Records for this task below:

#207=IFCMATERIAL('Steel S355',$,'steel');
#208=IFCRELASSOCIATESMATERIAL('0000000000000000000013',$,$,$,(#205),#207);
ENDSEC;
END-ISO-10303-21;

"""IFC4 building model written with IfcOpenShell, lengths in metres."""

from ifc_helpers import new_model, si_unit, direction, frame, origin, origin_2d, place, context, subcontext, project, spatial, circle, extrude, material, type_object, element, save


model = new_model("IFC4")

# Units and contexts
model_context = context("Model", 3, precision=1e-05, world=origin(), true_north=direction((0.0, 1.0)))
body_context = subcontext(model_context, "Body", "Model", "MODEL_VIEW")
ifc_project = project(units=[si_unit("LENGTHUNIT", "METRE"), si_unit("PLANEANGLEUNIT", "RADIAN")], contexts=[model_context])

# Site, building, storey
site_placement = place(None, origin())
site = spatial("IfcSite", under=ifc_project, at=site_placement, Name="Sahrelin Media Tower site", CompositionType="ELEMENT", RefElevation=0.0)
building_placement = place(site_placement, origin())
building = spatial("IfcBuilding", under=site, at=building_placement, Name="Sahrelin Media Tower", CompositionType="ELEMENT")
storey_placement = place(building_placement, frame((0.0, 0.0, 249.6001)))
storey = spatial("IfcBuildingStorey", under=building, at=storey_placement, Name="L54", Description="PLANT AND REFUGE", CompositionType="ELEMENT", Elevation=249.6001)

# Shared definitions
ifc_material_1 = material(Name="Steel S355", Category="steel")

End of Records for this task.

The answer consists of the lines above that include the word "Name", each copied exactly.

site = spatial("IfcSite", under=ifc_project, at=site_placement, Name="Sahrelin Media Tower site", CompositionType="ELEMENT", RefElevation=0.0)
building = spatial("IfcBuilding", under=site, at=building_placement, Name="Sahrelin Media Tower", CompositionType="ELEMENT")
storey = spatial("IfcBuildingStorey", under=building, at=storey_placement, Name="L54", Description="PLANT AND REFUGE", CompositionType="ELEMENT", Elevation=249.6001)
ifc_material_1 = material(Name="Steel S355", Category="steel")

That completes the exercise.